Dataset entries
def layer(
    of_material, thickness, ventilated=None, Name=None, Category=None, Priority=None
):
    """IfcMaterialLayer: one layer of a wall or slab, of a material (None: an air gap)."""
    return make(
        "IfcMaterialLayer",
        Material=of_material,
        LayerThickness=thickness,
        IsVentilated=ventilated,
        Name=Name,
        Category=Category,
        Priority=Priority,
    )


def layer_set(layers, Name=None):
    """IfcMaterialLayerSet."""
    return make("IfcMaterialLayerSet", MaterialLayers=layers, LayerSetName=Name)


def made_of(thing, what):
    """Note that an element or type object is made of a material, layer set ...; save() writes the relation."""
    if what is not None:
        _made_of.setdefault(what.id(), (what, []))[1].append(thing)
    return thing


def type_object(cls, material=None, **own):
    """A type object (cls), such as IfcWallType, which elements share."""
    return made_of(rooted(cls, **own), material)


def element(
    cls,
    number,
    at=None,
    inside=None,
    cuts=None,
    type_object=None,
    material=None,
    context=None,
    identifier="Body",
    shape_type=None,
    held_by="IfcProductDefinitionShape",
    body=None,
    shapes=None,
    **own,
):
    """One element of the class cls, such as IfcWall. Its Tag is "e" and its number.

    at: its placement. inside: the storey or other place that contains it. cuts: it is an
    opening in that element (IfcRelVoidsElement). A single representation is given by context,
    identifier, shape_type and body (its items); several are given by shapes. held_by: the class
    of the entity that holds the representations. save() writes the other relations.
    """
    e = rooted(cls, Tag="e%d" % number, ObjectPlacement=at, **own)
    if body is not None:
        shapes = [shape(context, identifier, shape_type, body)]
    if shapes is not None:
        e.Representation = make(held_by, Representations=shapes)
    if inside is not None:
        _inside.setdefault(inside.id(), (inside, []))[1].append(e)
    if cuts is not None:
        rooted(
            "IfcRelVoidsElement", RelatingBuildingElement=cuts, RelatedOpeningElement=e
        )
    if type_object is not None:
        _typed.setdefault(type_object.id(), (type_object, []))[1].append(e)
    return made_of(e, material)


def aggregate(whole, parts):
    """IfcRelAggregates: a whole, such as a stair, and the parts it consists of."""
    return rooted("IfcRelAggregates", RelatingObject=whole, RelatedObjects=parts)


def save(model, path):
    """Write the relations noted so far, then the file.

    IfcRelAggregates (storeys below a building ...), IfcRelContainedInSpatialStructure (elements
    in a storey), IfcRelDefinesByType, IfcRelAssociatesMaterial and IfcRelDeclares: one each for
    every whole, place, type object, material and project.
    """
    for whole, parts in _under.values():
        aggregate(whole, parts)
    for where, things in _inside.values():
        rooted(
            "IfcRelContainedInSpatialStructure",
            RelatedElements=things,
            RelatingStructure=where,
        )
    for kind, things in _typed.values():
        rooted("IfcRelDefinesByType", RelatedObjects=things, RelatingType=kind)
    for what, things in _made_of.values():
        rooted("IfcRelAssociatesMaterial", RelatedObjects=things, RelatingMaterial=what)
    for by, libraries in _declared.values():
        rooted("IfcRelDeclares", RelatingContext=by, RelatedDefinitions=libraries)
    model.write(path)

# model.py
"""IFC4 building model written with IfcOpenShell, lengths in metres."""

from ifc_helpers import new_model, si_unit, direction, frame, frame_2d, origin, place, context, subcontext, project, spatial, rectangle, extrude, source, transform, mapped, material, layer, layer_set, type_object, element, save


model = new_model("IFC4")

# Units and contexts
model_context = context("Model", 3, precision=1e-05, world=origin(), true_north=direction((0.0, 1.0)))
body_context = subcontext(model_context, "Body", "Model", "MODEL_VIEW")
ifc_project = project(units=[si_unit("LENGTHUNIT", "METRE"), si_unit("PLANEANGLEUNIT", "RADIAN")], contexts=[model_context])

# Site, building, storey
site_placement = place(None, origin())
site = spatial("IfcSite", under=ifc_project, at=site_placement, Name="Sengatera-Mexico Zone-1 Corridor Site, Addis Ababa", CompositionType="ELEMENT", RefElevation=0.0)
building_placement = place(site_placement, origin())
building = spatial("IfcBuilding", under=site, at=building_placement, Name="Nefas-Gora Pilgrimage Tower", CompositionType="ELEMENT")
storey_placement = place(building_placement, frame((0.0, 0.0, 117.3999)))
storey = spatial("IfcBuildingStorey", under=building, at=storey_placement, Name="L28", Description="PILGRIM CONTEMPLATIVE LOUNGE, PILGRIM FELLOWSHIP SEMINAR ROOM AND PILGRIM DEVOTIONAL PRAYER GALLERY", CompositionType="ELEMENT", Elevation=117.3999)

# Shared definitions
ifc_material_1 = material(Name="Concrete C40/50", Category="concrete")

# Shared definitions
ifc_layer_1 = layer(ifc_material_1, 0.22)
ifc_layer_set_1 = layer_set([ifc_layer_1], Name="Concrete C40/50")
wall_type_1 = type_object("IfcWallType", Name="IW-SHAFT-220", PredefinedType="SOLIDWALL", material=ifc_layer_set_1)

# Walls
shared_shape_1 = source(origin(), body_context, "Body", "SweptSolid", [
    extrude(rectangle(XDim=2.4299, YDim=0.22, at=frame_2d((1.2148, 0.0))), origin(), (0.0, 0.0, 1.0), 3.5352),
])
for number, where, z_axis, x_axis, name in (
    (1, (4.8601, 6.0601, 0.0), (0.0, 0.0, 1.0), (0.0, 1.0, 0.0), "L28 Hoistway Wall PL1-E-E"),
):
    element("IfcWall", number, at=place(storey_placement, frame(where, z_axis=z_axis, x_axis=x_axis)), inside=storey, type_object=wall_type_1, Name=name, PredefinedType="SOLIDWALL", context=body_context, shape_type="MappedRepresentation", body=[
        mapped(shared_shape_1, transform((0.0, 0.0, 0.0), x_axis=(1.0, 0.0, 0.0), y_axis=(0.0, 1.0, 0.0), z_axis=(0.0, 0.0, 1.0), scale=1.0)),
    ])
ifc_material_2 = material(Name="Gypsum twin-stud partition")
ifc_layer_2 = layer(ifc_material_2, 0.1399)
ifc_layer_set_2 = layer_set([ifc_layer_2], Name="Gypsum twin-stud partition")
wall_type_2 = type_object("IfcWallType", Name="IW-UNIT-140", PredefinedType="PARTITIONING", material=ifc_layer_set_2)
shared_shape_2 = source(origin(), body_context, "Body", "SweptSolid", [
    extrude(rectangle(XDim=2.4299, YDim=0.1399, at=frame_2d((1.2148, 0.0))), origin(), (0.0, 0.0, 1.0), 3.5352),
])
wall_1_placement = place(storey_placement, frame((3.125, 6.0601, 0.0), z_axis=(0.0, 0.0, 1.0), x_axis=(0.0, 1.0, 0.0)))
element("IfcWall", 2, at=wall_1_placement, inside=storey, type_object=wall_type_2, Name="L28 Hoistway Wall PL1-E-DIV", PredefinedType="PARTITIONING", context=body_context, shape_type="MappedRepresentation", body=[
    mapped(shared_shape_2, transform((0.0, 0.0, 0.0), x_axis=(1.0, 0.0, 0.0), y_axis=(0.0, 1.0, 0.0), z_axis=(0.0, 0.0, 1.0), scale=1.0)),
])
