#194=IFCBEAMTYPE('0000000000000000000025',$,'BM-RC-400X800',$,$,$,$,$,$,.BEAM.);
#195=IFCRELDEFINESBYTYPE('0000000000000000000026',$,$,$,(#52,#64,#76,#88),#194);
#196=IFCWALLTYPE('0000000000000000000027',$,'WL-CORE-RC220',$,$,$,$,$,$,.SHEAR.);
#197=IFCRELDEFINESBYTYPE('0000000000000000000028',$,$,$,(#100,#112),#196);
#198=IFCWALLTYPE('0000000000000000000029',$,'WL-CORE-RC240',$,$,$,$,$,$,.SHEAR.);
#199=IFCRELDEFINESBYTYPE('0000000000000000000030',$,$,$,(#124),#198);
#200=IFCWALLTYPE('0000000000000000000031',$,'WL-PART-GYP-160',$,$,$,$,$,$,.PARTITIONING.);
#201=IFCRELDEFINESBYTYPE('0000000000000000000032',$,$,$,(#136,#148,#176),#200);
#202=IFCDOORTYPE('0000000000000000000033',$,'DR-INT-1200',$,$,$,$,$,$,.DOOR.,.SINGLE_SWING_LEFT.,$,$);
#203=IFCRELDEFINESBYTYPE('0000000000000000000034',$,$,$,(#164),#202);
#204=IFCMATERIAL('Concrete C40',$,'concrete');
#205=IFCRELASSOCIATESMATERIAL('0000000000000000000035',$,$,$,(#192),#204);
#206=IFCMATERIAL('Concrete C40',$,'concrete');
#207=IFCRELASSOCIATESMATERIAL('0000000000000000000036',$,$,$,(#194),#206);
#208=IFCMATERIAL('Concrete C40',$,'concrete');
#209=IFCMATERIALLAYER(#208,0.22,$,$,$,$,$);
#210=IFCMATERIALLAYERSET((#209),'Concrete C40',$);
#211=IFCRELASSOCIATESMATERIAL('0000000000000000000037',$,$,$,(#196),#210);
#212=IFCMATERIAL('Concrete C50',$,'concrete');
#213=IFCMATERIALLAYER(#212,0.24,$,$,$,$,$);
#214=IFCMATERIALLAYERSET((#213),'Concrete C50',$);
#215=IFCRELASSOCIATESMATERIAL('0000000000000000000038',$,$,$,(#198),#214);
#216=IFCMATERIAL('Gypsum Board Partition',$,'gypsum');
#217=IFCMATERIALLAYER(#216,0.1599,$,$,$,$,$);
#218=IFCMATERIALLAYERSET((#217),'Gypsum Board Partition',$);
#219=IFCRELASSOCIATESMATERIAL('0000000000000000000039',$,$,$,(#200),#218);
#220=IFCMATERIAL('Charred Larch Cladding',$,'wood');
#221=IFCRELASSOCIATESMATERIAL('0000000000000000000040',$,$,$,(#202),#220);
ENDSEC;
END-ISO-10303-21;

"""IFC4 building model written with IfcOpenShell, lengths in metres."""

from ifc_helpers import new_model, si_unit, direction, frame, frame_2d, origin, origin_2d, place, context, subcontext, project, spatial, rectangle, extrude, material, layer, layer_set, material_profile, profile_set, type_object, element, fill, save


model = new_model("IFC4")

ACTIVITY: Scan the entries above for the string "CORE" and copy each line containing it.

ANSWER TO THE PROBLEM:
#196=IFCWALLTYPE('0000000000000000000027',$,'WL-CORE-RC220',$,$,$,$,$,$,.SHEAR.);
#198=IFCWALLTYPE('0000000000000000000029',$,'WL-CORE-RC240',$,$,$,$,$,$,.SHEAR.);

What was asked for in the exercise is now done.